* Aim of the task *
How many lines in the material contain the string "LongName"? Only the number is wanted.

-------- Extracted records

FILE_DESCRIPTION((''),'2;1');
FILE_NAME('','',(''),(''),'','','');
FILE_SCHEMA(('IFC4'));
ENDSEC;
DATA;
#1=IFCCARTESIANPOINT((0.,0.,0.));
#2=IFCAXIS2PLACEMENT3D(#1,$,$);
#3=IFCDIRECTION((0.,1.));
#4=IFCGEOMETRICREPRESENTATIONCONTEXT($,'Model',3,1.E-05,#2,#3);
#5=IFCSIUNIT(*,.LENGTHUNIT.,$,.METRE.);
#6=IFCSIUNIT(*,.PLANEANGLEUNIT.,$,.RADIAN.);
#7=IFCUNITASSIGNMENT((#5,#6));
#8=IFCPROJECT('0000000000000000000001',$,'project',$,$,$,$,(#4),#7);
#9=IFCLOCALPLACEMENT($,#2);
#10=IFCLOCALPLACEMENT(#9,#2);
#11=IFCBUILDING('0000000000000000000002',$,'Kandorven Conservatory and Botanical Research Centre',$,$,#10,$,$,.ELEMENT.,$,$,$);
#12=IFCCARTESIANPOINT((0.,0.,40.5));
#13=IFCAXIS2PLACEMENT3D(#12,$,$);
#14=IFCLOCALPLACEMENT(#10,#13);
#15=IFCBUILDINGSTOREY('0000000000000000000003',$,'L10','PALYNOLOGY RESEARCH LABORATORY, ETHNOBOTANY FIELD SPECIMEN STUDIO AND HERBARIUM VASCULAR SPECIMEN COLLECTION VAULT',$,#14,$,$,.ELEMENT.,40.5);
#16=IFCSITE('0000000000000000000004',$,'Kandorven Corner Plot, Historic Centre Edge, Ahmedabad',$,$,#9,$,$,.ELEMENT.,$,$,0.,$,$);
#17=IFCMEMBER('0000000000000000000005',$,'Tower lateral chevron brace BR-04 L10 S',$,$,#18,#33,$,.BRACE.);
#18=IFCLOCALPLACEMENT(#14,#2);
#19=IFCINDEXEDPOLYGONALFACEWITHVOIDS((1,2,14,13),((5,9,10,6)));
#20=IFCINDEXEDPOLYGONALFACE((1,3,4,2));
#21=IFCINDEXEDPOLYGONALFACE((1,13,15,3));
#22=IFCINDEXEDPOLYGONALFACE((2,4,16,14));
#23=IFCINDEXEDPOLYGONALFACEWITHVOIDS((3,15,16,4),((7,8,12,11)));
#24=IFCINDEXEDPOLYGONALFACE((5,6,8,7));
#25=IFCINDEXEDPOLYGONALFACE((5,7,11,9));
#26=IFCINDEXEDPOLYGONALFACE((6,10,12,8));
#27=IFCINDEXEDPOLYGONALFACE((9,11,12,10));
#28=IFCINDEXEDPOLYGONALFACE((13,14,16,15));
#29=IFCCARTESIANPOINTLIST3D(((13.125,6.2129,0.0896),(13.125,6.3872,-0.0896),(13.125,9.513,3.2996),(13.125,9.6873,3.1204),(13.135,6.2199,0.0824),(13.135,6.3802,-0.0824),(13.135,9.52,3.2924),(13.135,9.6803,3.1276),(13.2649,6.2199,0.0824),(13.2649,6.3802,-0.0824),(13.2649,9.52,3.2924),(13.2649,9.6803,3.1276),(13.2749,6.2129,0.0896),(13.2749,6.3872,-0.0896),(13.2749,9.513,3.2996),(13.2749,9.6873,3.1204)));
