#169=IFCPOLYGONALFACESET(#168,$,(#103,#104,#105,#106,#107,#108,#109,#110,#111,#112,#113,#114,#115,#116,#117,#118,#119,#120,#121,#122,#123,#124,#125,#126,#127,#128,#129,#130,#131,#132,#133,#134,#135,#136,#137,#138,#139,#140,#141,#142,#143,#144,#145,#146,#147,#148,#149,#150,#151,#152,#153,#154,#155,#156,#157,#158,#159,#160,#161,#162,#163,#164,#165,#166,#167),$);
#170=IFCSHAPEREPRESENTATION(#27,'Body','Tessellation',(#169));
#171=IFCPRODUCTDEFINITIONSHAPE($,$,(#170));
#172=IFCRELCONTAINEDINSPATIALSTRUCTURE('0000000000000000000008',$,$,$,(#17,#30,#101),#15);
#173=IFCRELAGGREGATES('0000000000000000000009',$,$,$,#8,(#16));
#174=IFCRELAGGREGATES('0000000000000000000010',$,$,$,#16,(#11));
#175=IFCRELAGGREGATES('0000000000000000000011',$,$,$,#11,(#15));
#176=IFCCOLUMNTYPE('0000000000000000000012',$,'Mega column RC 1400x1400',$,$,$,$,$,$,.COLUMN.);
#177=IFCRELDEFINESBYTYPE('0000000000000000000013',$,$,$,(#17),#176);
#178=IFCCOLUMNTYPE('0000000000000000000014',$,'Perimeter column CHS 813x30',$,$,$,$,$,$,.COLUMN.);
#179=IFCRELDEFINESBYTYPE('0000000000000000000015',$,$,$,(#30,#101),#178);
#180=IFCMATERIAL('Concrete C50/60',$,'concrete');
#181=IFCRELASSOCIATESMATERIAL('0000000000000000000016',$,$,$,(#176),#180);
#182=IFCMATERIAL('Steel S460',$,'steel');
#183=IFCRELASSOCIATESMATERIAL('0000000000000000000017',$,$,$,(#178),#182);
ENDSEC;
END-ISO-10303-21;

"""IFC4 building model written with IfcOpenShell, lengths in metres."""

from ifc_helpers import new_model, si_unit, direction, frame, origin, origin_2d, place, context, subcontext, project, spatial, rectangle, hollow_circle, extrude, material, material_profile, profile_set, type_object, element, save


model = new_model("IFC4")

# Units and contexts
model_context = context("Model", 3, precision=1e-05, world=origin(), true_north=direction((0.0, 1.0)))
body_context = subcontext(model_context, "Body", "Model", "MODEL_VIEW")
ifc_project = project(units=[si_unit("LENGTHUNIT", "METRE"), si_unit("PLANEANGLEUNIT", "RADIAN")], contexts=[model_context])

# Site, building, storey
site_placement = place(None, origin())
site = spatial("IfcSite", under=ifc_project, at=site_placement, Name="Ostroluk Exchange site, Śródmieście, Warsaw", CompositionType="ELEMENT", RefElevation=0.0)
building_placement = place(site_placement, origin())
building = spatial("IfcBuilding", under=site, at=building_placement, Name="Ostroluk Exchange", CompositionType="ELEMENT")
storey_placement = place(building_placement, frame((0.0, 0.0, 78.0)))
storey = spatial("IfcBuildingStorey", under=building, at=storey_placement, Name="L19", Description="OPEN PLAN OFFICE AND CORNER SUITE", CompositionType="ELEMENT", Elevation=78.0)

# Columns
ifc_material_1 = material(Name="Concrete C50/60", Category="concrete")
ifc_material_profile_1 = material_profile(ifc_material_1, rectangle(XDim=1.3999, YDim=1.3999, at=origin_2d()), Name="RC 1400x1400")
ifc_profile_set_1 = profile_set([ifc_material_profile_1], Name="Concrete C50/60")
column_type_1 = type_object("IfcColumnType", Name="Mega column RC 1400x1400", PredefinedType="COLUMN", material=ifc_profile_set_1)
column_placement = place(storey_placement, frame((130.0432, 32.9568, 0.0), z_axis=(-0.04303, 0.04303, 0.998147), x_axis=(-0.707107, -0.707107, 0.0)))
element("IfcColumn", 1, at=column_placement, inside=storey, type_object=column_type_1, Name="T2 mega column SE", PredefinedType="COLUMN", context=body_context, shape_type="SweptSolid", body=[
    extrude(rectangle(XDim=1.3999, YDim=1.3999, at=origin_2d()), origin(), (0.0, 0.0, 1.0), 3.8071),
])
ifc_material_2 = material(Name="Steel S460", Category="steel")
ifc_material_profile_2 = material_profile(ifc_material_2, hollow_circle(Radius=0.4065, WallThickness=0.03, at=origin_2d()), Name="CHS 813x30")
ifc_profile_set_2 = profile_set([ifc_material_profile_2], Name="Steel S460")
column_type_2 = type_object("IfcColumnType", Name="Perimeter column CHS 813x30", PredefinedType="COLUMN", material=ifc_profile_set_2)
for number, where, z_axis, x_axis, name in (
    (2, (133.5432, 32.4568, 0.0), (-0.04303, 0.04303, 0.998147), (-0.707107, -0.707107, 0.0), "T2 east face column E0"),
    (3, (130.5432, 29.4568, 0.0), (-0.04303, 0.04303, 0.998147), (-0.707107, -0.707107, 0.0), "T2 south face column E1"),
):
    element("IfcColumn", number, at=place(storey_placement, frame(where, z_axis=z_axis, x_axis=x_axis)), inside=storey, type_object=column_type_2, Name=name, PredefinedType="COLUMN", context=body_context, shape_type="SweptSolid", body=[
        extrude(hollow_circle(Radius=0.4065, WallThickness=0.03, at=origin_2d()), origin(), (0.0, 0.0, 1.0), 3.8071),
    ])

----------------
-------- Extracted records

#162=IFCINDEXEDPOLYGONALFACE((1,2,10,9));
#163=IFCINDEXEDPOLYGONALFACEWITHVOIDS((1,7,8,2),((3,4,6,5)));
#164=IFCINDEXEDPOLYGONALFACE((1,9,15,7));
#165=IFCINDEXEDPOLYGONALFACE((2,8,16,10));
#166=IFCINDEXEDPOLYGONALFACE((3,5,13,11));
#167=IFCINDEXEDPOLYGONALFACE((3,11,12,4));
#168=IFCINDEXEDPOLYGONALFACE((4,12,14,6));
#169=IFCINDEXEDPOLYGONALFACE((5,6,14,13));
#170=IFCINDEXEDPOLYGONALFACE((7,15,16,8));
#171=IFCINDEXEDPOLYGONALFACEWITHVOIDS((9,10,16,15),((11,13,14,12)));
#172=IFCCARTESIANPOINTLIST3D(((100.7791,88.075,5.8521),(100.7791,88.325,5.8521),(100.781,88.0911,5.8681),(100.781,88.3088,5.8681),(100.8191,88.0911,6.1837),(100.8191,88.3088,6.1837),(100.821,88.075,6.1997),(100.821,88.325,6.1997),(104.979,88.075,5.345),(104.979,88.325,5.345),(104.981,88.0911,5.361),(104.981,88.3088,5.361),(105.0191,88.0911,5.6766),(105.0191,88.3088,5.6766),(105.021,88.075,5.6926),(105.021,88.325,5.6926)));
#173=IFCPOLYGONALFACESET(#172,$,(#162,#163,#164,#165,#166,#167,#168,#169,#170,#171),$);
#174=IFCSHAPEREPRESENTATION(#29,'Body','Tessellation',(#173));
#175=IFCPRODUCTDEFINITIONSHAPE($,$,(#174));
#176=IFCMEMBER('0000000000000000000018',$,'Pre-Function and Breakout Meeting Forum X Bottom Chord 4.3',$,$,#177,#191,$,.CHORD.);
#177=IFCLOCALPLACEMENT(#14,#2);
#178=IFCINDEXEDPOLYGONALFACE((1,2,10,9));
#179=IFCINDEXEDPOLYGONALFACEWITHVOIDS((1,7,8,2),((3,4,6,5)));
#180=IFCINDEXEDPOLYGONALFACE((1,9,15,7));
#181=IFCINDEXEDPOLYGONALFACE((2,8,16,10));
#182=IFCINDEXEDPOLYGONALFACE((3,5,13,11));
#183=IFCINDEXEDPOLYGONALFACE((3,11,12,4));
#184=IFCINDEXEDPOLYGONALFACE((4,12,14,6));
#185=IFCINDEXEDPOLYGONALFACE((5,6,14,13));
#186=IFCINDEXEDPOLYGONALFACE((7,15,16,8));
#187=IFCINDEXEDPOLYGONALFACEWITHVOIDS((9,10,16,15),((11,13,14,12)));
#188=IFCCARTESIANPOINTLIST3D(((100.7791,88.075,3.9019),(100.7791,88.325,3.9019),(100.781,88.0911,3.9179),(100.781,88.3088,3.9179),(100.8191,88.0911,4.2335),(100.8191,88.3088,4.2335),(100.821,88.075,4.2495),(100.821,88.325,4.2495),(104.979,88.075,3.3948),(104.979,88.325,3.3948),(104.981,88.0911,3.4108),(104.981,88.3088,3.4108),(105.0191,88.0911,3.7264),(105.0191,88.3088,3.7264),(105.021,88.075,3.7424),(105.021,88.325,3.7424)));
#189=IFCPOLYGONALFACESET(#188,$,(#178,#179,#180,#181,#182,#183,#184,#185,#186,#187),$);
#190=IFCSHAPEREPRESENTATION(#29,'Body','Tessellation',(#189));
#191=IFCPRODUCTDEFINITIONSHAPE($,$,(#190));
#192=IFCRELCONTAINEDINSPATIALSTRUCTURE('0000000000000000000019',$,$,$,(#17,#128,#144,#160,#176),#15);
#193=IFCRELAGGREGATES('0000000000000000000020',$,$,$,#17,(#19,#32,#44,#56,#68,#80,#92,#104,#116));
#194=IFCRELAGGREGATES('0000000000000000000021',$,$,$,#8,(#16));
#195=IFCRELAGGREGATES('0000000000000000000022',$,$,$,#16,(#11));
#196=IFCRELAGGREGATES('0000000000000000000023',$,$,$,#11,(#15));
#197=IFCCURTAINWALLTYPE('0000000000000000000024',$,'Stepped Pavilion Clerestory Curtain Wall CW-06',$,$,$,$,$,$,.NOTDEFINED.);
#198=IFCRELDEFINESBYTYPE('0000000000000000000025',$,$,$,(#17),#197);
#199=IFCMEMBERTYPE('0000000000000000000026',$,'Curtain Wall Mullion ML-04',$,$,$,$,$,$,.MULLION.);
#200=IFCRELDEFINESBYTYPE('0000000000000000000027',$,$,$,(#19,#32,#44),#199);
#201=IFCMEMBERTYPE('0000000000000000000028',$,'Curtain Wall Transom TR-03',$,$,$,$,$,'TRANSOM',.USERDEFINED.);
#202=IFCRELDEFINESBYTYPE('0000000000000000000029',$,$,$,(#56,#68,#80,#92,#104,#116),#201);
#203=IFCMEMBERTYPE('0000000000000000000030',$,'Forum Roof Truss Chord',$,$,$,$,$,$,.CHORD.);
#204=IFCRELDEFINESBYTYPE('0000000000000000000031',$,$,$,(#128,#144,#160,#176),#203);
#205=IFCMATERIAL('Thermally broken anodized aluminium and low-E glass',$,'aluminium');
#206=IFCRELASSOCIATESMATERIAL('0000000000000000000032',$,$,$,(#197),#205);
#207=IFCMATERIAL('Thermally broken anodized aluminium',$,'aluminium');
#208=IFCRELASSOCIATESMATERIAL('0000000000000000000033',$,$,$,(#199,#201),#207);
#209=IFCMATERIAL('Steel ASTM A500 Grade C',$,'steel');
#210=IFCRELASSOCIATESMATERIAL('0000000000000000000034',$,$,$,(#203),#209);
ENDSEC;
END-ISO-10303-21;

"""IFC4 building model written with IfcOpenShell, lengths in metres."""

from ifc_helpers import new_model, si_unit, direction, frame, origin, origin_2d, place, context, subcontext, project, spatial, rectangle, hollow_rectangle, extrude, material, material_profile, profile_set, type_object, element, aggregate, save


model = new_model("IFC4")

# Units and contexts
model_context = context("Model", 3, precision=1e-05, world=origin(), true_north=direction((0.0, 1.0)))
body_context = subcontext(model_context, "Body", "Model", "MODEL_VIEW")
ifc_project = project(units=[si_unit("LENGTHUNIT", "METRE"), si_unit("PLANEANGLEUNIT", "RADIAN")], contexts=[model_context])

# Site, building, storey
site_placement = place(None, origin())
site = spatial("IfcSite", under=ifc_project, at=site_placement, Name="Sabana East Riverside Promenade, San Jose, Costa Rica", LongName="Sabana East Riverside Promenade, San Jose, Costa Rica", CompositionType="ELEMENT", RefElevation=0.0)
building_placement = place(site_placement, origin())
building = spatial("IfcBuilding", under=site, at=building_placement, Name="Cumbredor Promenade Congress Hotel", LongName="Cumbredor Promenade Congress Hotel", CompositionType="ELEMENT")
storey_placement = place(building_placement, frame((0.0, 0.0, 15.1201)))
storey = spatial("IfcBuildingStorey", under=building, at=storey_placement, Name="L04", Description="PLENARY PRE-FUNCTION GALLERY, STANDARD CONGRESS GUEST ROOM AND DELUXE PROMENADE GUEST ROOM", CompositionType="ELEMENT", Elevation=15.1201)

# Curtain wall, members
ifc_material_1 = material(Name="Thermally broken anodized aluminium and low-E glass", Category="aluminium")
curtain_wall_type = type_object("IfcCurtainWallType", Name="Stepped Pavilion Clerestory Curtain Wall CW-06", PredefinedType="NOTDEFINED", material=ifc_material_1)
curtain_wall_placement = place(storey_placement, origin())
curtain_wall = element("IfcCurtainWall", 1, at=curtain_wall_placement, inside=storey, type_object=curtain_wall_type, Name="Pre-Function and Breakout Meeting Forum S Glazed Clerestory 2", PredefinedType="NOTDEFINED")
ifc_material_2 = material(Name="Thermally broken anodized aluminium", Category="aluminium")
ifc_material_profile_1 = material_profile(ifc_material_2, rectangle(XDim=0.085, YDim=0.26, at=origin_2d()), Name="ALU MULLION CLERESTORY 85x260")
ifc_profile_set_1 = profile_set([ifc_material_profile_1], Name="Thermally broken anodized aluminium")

----------------

* Answer area *
2